Assignment -> Each line of the data below from the one holding "#183=IFCRELAGGREGATES('0000000000000000000012',$,$,$,#8,(#16));" to the one holding "pile cap 3700x3700x1350',$,$,$,$,$,.PILE_CAP.);", inclusive, is to be reproduced exactly; no other line belongs in the answer.

Material shown ->
------------------------------------------------------------------------
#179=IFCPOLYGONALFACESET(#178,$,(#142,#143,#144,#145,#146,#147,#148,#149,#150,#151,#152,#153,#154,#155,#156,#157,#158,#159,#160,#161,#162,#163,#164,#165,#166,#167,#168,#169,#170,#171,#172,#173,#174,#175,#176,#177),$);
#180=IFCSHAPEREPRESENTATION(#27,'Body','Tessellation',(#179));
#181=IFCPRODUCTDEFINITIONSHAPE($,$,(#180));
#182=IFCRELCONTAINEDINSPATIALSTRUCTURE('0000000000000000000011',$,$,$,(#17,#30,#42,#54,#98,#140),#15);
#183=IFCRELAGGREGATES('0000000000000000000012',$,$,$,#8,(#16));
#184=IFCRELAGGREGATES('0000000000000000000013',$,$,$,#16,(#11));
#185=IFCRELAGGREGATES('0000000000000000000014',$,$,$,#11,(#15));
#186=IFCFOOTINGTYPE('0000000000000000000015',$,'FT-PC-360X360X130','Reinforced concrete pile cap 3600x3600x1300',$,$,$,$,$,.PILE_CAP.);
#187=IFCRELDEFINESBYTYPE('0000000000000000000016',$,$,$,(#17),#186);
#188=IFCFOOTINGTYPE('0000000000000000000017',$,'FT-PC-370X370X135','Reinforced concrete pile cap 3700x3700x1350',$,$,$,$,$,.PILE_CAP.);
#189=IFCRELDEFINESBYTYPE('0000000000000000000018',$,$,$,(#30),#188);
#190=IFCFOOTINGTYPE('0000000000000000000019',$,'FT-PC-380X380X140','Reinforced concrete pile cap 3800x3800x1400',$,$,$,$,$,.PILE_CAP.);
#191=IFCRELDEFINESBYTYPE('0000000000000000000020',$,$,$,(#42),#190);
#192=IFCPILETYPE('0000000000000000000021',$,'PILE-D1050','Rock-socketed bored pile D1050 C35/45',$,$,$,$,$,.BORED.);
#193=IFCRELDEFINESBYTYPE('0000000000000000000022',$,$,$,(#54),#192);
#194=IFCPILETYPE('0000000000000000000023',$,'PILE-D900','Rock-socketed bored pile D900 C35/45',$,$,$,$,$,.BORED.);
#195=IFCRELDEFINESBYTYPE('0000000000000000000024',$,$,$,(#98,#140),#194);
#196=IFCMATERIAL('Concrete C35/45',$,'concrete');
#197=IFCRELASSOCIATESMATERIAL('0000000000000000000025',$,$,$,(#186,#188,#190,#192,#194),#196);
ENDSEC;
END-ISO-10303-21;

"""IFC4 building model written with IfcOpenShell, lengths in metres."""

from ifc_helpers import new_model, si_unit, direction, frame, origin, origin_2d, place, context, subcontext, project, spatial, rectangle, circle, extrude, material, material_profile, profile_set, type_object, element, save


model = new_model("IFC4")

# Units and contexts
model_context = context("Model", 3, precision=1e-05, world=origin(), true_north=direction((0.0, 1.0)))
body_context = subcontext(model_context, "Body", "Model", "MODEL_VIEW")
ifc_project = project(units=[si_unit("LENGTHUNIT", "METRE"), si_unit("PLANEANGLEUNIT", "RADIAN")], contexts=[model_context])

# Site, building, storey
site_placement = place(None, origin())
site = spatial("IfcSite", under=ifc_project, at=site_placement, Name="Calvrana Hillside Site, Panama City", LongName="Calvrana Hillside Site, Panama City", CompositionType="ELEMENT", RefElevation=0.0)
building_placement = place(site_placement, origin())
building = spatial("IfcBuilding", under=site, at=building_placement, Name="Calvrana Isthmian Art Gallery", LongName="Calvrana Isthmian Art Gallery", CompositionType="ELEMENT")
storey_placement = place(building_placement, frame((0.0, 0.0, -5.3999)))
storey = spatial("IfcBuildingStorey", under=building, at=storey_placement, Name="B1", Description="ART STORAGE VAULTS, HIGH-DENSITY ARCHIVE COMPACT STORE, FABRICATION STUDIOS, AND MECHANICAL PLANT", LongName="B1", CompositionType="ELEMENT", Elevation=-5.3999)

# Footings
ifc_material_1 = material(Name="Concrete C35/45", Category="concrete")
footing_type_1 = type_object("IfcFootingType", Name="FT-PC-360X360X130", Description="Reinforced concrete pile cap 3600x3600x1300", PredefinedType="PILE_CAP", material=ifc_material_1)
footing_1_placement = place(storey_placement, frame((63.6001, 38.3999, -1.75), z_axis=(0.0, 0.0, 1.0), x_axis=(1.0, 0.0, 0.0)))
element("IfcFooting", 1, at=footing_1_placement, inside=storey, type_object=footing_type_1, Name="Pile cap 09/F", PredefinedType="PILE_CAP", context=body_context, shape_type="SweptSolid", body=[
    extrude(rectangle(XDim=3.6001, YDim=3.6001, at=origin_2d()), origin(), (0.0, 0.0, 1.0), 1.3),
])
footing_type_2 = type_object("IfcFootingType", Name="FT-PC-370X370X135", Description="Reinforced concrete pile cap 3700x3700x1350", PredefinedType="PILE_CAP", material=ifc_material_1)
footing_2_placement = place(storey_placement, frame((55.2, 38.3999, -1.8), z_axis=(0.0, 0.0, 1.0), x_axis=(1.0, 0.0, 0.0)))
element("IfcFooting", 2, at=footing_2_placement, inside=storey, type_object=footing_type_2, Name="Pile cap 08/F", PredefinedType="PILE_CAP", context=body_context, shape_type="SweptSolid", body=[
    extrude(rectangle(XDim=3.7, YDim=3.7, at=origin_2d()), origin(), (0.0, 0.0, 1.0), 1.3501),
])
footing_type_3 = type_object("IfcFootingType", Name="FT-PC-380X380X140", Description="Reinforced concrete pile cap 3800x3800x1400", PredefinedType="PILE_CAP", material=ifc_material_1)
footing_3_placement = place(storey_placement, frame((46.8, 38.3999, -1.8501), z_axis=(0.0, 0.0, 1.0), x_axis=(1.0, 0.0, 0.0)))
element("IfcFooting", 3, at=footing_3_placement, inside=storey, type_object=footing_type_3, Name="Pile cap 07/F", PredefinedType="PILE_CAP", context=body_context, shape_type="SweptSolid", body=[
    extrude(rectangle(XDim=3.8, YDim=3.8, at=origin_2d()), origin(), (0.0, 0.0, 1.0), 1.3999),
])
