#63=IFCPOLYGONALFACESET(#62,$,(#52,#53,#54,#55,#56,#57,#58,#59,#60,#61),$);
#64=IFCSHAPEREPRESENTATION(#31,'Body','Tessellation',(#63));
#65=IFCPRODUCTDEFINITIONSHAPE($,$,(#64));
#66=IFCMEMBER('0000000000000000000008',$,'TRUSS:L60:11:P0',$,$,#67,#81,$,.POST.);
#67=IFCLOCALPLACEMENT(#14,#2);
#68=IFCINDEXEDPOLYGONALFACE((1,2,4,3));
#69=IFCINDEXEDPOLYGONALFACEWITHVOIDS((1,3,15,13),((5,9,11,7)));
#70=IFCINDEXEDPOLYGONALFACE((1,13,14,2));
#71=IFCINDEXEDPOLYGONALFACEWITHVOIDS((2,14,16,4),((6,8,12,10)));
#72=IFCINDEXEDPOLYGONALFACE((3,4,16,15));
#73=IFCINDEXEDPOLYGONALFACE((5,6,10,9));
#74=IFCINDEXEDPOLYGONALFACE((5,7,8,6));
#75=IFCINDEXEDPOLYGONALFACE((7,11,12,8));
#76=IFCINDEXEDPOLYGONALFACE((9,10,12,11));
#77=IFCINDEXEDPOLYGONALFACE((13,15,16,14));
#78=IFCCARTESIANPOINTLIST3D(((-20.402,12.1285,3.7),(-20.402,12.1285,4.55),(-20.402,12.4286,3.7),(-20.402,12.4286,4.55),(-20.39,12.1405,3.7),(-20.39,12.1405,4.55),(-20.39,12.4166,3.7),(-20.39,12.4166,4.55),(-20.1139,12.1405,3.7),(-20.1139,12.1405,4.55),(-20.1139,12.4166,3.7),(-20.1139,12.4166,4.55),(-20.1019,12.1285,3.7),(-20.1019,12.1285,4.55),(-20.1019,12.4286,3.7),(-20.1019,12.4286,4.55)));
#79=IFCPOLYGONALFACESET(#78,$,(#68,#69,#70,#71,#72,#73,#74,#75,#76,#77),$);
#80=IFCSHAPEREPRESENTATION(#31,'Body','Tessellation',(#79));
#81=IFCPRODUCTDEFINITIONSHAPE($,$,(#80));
------------------------------------------------------------------------
Response area ->
#183=IFCRELAGGREGATES('0000000000000000000012',$,$,$,#8,(#16));
#184=IFCRELAGGREGATES('0000000000000000000013',$,$,$,#16,(#11));
#185=IFCRELAGGREGATES('0000000000000000000014',$,$,$,#11,(#15));
#186=IFCFOOTINGTYPE('0000000000000000000015',$,'FT-PC-360X360X130','Reinforced concrete pile cap 3600x3600x1300',$,$,$,$,$,.PILE_CAP.);
#187=IFCRELDEFINESBYTYPE('0000000000000000000016',$,$,$,(#17),#186);
#188=IFCFOOTINGTYPE('0000000000000000000017',$,'FT-PC-370X370X135','Reinforced concrete pile cap 3700x3700x1350',$,$,$,$,$,.PILE_CAP.);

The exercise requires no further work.